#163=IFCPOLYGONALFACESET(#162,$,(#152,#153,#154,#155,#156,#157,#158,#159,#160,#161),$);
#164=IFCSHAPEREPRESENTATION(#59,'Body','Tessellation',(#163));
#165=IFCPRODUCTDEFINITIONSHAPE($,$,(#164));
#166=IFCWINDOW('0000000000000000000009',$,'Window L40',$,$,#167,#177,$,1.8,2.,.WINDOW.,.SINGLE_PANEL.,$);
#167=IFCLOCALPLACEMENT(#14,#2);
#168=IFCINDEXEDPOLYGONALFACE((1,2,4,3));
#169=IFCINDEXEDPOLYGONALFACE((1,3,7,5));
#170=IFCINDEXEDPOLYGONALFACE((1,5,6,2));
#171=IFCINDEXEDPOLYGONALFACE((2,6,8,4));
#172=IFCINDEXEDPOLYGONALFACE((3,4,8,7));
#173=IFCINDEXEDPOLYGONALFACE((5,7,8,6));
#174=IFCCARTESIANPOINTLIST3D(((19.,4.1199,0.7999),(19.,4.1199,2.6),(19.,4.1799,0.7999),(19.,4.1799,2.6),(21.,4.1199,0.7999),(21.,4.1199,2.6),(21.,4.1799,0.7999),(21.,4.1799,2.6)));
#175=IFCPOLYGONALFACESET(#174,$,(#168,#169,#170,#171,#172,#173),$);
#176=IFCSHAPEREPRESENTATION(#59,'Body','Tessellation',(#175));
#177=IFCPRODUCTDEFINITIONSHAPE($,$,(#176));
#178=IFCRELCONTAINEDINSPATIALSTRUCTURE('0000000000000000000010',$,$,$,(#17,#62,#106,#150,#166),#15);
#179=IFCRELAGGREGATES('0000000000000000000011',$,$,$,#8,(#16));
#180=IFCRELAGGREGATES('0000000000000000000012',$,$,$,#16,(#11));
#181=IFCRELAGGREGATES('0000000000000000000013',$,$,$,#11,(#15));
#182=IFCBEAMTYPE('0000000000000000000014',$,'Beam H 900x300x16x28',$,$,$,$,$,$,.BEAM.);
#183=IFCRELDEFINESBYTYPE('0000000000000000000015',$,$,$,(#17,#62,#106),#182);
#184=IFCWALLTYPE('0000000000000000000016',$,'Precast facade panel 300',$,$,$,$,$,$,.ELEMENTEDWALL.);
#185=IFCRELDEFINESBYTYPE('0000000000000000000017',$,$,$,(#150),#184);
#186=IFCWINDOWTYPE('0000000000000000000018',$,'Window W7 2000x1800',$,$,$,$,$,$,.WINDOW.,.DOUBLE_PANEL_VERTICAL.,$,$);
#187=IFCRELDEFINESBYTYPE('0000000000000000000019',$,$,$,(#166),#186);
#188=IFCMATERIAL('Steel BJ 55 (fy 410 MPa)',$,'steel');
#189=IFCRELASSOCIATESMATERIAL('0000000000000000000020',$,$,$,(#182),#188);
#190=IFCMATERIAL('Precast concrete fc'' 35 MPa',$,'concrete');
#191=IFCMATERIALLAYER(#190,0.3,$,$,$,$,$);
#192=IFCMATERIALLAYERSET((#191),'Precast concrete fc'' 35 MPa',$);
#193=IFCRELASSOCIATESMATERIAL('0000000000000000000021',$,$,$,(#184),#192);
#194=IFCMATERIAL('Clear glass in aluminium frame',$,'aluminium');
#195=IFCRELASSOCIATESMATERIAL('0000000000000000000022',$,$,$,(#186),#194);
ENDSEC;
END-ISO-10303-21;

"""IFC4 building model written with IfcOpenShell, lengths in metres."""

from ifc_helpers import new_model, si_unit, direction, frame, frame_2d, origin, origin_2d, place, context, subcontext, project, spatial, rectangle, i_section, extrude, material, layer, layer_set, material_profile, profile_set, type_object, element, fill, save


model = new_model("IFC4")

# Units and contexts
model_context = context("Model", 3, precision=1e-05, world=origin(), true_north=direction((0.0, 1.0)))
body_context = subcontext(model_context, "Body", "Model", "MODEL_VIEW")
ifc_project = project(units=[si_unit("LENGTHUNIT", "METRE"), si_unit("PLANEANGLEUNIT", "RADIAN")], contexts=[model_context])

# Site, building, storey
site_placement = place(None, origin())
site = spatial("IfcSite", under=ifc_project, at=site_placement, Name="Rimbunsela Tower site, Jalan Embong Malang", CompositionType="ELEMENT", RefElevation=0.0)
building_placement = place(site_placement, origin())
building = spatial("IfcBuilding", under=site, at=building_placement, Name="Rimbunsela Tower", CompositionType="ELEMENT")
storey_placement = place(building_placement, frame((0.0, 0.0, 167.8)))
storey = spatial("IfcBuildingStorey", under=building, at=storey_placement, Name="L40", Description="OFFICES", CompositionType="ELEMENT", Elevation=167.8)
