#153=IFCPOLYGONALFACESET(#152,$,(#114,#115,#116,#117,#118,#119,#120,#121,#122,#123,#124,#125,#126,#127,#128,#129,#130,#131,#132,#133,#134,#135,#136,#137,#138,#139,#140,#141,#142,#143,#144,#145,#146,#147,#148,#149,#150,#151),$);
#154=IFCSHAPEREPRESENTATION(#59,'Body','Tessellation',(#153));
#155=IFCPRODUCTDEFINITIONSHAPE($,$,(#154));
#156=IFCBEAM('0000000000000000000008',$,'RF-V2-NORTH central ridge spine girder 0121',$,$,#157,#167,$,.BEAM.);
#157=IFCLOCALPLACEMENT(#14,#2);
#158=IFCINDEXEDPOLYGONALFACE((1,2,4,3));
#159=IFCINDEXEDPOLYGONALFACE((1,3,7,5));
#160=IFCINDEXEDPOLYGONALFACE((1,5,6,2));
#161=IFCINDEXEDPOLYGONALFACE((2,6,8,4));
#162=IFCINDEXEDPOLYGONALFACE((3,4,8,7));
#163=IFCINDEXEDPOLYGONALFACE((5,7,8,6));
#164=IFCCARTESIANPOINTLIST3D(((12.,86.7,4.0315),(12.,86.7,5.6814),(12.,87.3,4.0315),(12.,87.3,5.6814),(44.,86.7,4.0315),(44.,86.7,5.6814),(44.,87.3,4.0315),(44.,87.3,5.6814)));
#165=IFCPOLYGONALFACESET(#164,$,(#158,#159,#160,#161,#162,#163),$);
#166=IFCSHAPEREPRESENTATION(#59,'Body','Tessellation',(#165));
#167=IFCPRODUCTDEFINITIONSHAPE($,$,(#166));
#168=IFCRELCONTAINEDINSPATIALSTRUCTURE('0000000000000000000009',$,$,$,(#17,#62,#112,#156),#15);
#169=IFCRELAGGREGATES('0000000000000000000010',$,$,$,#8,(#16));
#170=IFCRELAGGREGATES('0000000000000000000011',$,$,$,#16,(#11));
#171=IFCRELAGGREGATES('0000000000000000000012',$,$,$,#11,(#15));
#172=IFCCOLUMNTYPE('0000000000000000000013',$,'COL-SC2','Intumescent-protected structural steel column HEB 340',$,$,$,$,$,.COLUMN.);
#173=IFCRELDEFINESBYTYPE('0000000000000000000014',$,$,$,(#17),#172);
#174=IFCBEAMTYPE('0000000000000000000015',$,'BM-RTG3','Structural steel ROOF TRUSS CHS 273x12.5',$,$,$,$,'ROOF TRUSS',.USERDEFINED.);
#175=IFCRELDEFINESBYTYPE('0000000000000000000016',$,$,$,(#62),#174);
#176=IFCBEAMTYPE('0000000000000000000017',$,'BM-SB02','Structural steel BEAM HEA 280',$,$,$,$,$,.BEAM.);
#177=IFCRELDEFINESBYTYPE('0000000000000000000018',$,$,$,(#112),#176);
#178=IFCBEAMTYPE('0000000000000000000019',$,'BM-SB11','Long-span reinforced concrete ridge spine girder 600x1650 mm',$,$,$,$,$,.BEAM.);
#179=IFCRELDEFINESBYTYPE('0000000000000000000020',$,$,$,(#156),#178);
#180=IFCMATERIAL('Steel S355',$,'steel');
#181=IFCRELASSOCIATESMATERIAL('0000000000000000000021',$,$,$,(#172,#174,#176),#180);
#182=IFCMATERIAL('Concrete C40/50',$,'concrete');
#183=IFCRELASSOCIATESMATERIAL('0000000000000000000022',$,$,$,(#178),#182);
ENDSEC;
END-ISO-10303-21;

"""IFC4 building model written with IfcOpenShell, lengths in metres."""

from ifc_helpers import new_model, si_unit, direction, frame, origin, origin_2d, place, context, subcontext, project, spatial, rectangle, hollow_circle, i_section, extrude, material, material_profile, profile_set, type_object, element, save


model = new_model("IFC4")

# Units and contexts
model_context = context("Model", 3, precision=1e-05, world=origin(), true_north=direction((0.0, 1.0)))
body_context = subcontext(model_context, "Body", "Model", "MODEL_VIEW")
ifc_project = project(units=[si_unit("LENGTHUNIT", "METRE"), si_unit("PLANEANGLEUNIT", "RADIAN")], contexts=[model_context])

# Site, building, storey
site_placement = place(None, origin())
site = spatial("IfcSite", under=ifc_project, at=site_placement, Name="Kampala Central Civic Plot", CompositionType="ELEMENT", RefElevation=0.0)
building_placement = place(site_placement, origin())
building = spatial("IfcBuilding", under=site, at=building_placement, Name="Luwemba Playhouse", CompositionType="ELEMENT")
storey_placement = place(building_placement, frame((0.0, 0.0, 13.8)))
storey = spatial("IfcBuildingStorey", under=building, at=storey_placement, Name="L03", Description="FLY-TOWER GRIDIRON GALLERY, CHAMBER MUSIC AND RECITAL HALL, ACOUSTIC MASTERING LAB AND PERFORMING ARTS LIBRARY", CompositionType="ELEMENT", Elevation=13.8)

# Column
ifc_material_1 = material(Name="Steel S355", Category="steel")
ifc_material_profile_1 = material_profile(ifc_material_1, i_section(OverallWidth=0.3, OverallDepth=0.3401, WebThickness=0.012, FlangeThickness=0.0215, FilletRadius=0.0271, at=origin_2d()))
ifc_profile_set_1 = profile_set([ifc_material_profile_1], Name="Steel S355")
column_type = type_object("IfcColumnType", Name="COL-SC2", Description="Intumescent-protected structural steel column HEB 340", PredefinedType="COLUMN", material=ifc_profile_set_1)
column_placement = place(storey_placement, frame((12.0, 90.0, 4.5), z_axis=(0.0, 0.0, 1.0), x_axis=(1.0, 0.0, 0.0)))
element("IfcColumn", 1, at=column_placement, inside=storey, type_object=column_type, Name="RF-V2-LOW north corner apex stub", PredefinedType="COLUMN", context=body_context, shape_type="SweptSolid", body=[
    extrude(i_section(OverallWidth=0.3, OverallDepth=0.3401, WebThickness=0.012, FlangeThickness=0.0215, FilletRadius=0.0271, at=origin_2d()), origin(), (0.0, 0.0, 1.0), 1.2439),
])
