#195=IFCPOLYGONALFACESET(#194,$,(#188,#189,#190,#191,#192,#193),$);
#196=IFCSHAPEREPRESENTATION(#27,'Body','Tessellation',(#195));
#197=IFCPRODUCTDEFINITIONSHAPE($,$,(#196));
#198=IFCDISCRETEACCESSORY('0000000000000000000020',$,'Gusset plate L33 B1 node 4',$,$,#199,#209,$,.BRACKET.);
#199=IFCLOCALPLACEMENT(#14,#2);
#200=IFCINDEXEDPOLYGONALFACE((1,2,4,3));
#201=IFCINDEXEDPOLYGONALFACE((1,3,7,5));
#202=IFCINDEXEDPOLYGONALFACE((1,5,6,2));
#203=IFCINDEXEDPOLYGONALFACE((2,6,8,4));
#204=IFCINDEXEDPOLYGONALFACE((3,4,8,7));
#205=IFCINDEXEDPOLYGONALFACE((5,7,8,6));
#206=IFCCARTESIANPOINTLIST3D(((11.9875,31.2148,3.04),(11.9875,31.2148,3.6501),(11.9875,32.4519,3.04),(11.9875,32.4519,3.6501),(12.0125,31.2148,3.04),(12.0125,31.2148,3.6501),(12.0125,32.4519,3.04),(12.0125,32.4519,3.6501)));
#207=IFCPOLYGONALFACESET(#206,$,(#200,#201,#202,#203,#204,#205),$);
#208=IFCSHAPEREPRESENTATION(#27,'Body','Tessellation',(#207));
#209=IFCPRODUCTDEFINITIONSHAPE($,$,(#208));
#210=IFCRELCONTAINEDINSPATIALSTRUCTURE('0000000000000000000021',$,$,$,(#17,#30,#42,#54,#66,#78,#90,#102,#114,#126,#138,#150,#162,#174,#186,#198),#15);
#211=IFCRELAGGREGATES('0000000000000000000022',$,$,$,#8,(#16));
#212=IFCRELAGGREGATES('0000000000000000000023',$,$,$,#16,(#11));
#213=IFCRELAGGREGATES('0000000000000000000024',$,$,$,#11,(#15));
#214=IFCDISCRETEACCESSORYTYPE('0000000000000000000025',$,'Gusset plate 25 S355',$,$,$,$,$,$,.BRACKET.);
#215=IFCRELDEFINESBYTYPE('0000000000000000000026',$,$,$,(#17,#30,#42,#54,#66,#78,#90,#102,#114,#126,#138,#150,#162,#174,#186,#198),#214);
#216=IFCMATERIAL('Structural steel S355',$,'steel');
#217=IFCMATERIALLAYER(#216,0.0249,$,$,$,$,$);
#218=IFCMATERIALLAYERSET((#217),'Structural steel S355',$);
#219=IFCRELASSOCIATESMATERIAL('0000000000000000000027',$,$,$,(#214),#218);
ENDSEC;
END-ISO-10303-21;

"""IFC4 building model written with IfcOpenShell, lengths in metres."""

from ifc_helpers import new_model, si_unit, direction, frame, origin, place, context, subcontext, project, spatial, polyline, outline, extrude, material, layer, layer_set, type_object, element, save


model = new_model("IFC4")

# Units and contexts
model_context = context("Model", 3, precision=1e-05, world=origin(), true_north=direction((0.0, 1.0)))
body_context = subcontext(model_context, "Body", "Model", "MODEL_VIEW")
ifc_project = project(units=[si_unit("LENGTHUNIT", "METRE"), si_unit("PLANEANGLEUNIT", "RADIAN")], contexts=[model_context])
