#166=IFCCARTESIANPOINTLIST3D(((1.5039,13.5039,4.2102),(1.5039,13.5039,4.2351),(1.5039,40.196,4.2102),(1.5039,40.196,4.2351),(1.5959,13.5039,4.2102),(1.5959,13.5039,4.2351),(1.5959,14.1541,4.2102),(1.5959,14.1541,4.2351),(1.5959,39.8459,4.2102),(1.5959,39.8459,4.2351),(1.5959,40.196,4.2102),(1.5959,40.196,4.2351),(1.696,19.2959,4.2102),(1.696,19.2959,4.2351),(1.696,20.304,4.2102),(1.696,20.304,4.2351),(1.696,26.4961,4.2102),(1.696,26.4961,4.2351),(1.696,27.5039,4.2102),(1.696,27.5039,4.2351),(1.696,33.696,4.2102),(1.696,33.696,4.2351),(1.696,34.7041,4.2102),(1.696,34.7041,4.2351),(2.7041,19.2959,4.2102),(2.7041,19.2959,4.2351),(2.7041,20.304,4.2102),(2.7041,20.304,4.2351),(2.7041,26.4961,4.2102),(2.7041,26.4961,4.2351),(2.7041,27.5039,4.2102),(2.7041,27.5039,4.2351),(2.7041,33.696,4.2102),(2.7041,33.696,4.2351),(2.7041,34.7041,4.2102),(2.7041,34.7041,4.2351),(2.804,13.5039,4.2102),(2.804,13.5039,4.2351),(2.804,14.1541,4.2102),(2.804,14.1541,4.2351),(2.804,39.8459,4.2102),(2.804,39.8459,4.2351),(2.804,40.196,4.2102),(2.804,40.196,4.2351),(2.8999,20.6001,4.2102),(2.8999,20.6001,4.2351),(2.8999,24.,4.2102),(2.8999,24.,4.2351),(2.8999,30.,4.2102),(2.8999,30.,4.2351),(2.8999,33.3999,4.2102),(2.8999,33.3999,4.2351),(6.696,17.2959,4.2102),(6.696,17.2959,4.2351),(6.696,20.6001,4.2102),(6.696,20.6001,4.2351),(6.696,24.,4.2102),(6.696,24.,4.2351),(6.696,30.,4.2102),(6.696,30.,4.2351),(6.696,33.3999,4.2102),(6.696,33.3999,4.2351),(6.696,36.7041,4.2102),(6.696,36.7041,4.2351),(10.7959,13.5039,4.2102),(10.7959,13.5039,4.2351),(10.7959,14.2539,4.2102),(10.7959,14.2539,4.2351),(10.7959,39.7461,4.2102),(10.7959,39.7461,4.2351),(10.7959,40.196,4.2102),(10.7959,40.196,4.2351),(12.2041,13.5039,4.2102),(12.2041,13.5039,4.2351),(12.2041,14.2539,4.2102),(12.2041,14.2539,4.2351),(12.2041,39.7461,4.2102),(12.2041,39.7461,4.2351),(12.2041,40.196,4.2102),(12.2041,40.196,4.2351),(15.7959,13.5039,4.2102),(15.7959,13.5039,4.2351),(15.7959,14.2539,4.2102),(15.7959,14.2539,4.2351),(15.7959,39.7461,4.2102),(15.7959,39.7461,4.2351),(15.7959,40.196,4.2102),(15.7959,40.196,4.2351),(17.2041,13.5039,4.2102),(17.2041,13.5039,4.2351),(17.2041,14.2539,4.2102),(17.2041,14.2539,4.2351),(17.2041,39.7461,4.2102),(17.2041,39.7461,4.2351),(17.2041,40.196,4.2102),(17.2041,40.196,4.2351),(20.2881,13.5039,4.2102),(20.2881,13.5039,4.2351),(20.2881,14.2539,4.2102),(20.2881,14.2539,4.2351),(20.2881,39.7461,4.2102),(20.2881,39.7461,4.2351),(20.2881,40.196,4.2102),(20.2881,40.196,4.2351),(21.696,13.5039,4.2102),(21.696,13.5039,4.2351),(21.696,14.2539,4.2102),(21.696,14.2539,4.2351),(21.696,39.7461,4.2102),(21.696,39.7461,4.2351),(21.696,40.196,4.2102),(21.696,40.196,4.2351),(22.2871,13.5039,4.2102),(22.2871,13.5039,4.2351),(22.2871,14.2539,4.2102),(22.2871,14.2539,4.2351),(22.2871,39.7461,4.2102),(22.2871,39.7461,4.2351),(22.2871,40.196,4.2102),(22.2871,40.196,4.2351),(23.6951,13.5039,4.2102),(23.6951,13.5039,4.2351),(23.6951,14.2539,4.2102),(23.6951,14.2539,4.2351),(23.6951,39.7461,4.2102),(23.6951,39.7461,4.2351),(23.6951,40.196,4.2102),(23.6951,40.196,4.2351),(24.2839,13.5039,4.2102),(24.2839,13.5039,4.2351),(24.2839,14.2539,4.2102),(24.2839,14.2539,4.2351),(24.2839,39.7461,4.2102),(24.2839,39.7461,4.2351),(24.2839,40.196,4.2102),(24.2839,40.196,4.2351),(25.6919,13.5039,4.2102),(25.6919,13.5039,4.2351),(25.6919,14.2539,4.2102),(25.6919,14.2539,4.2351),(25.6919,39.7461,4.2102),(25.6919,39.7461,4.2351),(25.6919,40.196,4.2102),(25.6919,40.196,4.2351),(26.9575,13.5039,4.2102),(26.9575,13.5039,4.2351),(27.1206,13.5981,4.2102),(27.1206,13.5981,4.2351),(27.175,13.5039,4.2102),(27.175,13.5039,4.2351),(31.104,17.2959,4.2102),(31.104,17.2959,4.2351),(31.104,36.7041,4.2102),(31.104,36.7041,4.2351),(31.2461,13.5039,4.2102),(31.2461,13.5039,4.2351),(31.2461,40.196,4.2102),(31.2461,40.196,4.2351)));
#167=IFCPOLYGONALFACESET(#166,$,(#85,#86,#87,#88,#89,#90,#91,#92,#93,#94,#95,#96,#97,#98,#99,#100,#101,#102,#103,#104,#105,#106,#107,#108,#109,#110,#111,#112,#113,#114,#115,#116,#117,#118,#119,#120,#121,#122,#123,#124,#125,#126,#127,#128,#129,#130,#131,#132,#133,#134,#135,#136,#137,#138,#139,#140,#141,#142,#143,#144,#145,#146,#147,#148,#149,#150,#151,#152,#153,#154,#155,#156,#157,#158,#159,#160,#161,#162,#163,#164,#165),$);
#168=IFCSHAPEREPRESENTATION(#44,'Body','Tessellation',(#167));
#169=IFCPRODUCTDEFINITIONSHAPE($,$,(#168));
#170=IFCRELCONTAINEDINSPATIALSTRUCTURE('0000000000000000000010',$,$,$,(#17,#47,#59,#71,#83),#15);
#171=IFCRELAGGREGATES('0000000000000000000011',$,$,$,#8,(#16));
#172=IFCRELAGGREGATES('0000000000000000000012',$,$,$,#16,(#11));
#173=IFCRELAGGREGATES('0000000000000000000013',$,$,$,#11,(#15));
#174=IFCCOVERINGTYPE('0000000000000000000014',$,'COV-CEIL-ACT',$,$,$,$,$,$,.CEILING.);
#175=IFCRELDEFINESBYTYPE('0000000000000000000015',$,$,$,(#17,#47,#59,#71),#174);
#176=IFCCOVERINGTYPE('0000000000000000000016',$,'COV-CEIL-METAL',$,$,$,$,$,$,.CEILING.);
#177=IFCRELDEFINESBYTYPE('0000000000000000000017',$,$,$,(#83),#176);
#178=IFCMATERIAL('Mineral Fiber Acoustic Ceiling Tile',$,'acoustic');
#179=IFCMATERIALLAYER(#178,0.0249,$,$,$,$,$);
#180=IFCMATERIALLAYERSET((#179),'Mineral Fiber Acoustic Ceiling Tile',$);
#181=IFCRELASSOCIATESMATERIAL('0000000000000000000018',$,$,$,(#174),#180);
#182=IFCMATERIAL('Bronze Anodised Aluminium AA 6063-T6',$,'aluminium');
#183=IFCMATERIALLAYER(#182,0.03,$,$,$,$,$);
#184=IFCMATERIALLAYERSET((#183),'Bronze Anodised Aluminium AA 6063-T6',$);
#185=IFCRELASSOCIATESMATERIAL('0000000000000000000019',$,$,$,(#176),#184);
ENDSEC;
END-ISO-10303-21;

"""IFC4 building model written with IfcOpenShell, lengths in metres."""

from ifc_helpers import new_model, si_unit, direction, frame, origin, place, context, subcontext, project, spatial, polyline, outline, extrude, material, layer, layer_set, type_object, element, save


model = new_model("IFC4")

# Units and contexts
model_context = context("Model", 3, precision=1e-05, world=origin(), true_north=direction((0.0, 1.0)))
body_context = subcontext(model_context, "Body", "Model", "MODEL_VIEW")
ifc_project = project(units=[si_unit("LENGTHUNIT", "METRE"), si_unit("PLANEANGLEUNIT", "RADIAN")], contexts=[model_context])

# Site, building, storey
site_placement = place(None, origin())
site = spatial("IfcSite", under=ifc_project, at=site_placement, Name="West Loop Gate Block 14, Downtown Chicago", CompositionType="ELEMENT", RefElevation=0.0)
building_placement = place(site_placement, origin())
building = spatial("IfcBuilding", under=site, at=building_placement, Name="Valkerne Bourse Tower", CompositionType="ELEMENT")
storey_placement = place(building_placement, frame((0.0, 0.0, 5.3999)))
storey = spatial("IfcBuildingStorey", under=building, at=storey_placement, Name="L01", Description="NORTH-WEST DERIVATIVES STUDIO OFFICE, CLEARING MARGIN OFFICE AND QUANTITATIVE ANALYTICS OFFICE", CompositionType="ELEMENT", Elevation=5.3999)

________________________________________

◆ **What is required**
Set the entries down again exactly, beginning with their first line and ending with the line that contains "#188=IFCMATERIAL('Steel BJ 55"; omit all other lines.

◆ **Answer to the exercise**
#163=IFCPOLYGONALFACESET(#162,$,(#152,#153,#154,#155,#156,#157,#158,#159,#160,#161),$);
#164=IFCSHAPEREPRESENTATION(#59,'Body','Tessellation',(#163));
#165=IFCPRODUCTDEFINITIONSHAPE($,$,(#164));
#166=IFCWINDOW('0000000000000000000009',$,'Window L40',$,$,#167,#177,$,1.8,2.,.WINDOW.,.SINGLE_PANEL.,$);
#167=IFCLOCALPLACEMENT(#14,#2);
#168=IFCINDEXEDPOLYGONALFACE((1,2,4,3));
#169=IFCINDEXEDPOLYGONALFACE((1,3,7,5));
#170=IFCINDEXEDPOLYGONALFACE((1,5,6,2));
#171=IFCINDEXEDPOLYGONALFACE((2,6,8,4));
#172=IFCINDEXEDPOLYGONALFACE((3,4,8,7));
#173=IFCINDEXEDPOLYGONALFACE((5,7,8,6));
#174=IFCCARTESIANPOINTLIST3D(((19.,4.1199,0.7999),(19.,4.1199,2.6),(19.,4.1799,0.7999),(19.,4.1799,2.6),(21.,4.1199,0.7999),(21.,4.1199,2.6),(21.,4.1799,0.7999),(21.,4.1799,2.6)));
#175=IFCPOLYGONALFACESET(#174,$,(#168,#169,#170,#171,#172,#173),$);
#176=IFCSHAPEREPRESENTATION(#59,'Body','Tessellation',(#175));
#177=IFCPRODUCTDEFINITIONSHAPE($,$,(#176));
#178=IFCRELCONTAINEDINSPATIALSTRUCTURE('0000000000000000000010',$,$,$,(#17,#62,#106,#150,#166),#15);
#179=IFCRELAGGREGATES('0000000000000000000011',$,$,$,#8,(#16));
#180=IFCRELAGGREGATES('0000000000000000000012',$,$,$,#16,(#11));
#181=IFCRELAGGREGATES('0000000000000000000013',$,$,$,#11,(#15));
#182=IFCBEAMTYPE('0000000000000000000014',$,'Beam H 900x300x16x28',$,$,$,$,$,$,.BEAM.);
#183=IFCRELDEFINESBYTYPE('0000000000000000000015',$,$,$,(#17,#62,#106),#182);
#184=IFCWALLTYPE('0000000000000000000016',$,'Precast facade panel 300',$,$,$,$,$,$,.ELEMENTEDWALL.);
#185=IFCRELDEFINESBYTYPE('0000000000000000000017',$,$,$,(#150),#184);
#186=IFCWINDOWTYPE('0000000000000000000018',$,'Window W7 2000x1800',$,$,$,$,$,$,.WINDOW.,.DOUBLE_PANEL_VERTICAL.,$,$);
#187=IFCRELDEFINESBYTYPE('0000000000000000000019',$,$,$,(#166),#186);
#188=IFCMATERIAL('Steel BJ 55 (fy 410 MPa)',$,'steel');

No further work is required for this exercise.